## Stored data

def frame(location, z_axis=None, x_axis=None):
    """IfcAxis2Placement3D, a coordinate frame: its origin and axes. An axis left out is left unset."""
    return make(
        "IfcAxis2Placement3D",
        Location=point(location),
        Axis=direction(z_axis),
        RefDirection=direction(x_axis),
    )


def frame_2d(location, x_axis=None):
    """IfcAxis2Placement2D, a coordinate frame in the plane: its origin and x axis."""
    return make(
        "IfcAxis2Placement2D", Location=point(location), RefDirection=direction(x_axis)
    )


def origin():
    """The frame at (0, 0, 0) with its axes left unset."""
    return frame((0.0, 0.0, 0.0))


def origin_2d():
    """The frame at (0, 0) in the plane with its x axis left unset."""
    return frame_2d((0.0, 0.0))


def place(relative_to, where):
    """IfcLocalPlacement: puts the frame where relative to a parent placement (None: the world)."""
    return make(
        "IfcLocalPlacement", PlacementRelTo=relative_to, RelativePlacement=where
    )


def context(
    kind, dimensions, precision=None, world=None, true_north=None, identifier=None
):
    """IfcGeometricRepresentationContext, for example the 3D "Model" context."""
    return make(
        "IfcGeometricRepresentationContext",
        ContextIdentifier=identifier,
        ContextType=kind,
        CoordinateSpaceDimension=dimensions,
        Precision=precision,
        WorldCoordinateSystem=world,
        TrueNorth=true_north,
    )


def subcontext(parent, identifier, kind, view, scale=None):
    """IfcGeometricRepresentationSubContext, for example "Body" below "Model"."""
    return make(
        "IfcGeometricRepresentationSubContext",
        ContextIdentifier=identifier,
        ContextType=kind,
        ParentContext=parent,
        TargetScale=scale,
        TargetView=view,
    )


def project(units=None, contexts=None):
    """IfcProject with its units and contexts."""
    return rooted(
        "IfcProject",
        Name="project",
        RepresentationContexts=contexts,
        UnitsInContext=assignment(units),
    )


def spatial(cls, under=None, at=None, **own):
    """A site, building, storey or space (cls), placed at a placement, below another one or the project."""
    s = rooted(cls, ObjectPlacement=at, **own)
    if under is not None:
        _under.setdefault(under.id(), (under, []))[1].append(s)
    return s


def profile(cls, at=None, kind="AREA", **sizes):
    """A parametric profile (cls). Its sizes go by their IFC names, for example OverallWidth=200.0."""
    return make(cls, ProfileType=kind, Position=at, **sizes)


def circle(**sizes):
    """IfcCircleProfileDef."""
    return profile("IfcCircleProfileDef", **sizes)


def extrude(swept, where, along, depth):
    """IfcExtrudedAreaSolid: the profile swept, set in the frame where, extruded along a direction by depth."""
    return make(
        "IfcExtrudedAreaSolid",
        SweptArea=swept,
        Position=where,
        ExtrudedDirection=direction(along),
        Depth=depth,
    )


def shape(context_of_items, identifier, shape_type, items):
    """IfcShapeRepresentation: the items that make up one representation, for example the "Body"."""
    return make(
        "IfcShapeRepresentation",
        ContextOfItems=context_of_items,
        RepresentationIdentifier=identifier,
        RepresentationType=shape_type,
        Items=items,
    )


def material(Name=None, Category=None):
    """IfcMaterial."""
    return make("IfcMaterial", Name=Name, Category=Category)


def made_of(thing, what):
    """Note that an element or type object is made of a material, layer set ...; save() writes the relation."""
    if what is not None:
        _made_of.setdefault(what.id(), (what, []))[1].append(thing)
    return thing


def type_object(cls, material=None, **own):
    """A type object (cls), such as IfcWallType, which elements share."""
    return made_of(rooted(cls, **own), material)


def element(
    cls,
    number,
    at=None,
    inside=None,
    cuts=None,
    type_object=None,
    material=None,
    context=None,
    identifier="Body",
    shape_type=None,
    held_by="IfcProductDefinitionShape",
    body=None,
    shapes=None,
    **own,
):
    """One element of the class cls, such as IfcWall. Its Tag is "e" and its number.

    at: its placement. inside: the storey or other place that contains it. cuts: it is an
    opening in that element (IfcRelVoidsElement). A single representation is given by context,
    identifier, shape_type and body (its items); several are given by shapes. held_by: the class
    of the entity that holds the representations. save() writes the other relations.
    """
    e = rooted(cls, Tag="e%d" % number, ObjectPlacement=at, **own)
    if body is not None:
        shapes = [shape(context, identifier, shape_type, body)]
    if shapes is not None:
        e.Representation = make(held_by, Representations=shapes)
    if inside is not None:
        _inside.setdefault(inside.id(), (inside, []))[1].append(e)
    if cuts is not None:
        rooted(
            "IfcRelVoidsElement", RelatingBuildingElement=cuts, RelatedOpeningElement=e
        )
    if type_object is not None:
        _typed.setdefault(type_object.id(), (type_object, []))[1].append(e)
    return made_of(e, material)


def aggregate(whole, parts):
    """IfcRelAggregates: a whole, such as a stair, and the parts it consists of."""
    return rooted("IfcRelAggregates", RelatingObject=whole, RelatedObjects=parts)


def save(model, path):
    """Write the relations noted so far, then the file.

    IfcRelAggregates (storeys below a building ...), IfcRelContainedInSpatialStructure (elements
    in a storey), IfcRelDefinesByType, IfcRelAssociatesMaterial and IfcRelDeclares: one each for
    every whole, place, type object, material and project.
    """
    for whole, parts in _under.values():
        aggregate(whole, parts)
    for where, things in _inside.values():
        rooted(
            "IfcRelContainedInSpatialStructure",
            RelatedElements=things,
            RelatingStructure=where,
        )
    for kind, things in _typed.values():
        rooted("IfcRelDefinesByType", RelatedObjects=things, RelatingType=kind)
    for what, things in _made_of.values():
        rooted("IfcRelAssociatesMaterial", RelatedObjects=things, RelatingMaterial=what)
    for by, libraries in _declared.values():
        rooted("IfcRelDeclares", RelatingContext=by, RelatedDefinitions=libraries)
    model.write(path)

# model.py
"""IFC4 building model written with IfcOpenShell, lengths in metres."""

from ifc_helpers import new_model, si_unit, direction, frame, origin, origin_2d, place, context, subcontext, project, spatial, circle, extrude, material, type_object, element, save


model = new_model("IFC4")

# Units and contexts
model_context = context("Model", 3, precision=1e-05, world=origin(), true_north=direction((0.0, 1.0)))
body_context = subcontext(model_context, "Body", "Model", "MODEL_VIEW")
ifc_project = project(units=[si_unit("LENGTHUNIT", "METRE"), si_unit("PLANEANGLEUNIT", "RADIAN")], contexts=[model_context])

## WHAT THIS TASK INVOLVES
Scan the records above for the string "whole", then select every line that holds it.

## FINISHED EXERCISE
def aggregate(whole, parts):
    """IfcRelAggregates: a whole, such as a stair, and the parts it consists of."""
    return rooted("IfcRelAggregates", RelatingObject=whole, RelatedObjects=parts)
    every whole, place, type object, material and project.
    for whole, parts in _under.values():
        aggregate(whole, parts)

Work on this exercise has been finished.